[Task to complete] Repeat exactly, please, the opening lines of the data below, through and including the line where "#171=IFCPRODUCTDEFINITIONSHAPE($,$,(#170));" sits.

[Dataset excerpts]
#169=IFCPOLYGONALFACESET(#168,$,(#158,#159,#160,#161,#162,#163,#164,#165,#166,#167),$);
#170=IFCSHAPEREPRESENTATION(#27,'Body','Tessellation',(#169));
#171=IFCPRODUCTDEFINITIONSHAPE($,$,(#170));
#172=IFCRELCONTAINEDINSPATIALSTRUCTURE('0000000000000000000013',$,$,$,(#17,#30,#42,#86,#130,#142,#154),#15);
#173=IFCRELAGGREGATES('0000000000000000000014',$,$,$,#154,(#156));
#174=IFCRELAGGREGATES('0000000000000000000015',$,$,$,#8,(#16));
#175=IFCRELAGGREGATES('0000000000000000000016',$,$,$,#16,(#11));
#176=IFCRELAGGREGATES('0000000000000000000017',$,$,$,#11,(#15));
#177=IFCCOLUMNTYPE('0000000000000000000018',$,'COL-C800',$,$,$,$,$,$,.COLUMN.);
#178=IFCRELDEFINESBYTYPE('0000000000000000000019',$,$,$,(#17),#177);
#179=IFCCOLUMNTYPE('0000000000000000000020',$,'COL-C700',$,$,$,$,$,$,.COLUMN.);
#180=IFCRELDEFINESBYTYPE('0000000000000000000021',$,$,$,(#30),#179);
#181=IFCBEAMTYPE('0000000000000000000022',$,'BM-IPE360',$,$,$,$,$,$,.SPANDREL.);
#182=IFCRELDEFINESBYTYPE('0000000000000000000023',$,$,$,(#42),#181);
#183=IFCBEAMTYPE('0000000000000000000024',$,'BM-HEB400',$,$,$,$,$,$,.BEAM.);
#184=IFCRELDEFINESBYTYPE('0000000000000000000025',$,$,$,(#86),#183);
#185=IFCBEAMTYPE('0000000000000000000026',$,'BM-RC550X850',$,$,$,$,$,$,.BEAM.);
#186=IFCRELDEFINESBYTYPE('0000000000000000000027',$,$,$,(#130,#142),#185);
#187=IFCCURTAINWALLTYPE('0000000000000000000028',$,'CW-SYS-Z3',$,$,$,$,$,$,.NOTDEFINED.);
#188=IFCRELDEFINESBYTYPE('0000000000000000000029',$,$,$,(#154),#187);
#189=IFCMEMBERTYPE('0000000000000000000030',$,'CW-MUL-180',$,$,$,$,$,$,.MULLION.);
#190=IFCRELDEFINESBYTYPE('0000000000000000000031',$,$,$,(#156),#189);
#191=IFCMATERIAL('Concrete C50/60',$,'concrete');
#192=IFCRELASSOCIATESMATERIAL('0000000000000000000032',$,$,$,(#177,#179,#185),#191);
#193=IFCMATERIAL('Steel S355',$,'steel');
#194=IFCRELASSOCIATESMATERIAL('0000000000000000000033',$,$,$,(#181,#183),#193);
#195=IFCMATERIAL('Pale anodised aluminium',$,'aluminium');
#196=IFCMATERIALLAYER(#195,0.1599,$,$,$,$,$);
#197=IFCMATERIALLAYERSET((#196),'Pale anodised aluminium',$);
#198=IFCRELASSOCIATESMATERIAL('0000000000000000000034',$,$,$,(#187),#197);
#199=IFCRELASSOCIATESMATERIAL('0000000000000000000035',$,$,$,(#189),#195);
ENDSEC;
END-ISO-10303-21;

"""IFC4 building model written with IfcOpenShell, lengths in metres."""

[Task output]
#169=IFCPOLYGONALFACESET(#168,$,(#158,#159,#160,#161,#162,#163,#164,#165,#166,#167),$);
#170=IFCSHAPEREPRESENTATION(#27,'Body','Tessellation',(#169));
#171=IFCPRODUCTDEFINITIONSHAPE($,$,(#170));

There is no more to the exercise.